Extracted data entries:

-*-*-

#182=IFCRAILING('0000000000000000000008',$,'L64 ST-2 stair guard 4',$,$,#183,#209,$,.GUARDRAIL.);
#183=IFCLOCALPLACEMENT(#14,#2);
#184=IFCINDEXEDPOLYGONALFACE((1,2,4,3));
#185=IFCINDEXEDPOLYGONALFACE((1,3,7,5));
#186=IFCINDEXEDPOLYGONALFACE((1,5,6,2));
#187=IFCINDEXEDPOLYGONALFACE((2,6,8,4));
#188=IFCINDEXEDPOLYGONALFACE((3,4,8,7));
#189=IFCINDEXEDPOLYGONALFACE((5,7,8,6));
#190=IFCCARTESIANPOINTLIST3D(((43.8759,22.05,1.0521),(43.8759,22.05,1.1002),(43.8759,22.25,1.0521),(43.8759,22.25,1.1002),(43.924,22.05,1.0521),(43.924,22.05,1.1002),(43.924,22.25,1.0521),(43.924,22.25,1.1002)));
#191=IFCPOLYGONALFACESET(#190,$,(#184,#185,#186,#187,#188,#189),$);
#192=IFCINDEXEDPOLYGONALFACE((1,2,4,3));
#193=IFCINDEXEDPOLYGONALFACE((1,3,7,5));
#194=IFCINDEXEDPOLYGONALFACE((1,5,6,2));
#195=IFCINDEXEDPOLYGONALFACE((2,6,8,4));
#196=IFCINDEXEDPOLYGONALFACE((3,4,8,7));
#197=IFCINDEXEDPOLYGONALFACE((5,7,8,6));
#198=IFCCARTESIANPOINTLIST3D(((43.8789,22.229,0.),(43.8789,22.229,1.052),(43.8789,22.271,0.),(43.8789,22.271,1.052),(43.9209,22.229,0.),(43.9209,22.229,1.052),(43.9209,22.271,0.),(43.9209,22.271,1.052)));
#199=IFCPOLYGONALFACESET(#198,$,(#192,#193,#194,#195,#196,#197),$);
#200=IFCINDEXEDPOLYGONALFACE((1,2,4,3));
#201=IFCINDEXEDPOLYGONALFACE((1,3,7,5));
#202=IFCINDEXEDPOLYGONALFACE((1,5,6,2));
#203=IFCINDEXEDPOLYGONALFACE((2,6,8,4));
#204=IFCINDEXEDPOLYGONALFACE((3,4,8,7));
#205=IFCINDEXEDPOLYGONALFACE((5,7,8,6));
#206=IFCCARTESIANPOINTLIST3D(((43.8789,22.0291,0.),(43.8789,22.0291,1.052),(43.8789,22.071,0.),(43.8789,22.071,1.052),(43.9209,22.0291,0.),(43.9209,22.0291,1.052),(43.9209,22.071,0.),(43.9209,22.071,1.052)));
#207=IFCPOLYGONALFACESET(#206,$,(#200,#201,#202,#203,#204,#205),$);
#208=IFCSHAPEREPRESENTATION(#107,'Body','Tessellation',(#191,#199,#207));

-*-*-

- Task directions
The records above must be repeated exactly, every one of them.

- Solution for this exercise
#182=IFCRAILING('0000000000000000000008',$,'L64 ST-2 stair guard 4',$,$,#183,#209,$,.GUARDRAIL.);
#183=IFCLOCALPLACEMENT(#14,#2);
#184=IFCINDEXEDPOLYGONALFACE((1,2,4,3));
#185=IFCINDEXEDPOLYGONALFACE((1,3,7,5));
#186=IFCINDEXEDPOLYGONALFACE((1,5,6,2));
#187=IFCINDEXEDPOLYGONALFACE((2,6,8,4));
#188=IFCINDEXEDPOLYGONALFACE((3,4,8,7));
#189=IFCINDEXEDPOLYGONALFACE((5,7,8,6));
#190=IFCCARTESIANPOINTLIST3D(((43.8759,22.05,1.0521),(43.8759,22.05,1.1002),(43.8759,22.25,1.0521),(43.8759,22.25,1.1002),(43.924,22.05,1.0521),(43.924,22.05,1.1002),(43.924,22.25,1.0521),(43.924,22.25,1.1002)));
#191=IFCPOLYGONALFACESET(#190,$,(#184,#185,#186,#187,#188,#189),$);
#192=IFCINDEXEDPOLYGONALFACE((1,2,4,3));
#193=IFCINDEXEDPOLYGONALFACE((1,3,7,5));
#194=IFCINDEXEDPOLYGONALFACE((1,5,6,2));
#195=IFCINDEXEDPOLYGONALFACE((2,6,8,4));
#196=IFCINDEXEDPOLYGONALFACE((3,4,8,7));
#197=IFCINDEXEDPOLYGONALFACE((5,7,8,6));
#198=IFCCARTESIANPOINTLIST3D(((43.8789,22.229,0.),(43.8789,22.229,1.052),(43.8789,22.271,0.),(43.8789,22.271,1.052),(43.9209,22.229,0.),(43.9209,22.229,1.052),(43.9209,22.271,0.),(43.9209,22.271,1.052)));
#199=IFCPOLYGONALFACESET(#198,$,(#192,#193,#194,#195,#196,#197),$);
#200=IFCINDEXEDPOLYGONALFACE((1,2,4,3));
#201=IFCINDEXEDPOLYGONALFACE((1,3,7,5));
#202=IFCINDEXEDPOLYGONALFACE((1,5,6,2));
#203=IFCINDEXEDPOLYGONALFACE((2,6,8,4));
#204=IFCINDEXEDPOLYGONALFACE((3,4,8,7));
#205=IFCINDEXEDPOLYGONALFACE((5,7,8,6));
#206=IFCCARTESIANPOINTLIST3D(((43.8789,22.0291,0.),(43.8789,22.0291,1.052),(43.8789,22.071,0.),(43.8789,22.071,1.052),(43.9209,22.0291,0.),(43.9209,22.0291,1.052),(43.9209,22.071,0.),(43.9209,22.071,1.052)));
#207=IFCPOLYGONALFACESET(#206,$,(#200,#201,#202,#203,#204,#205),$);
#208=IFCSHAPEREPRESENTATION(#107,'Body','Tessellation',(#191,#199,#207));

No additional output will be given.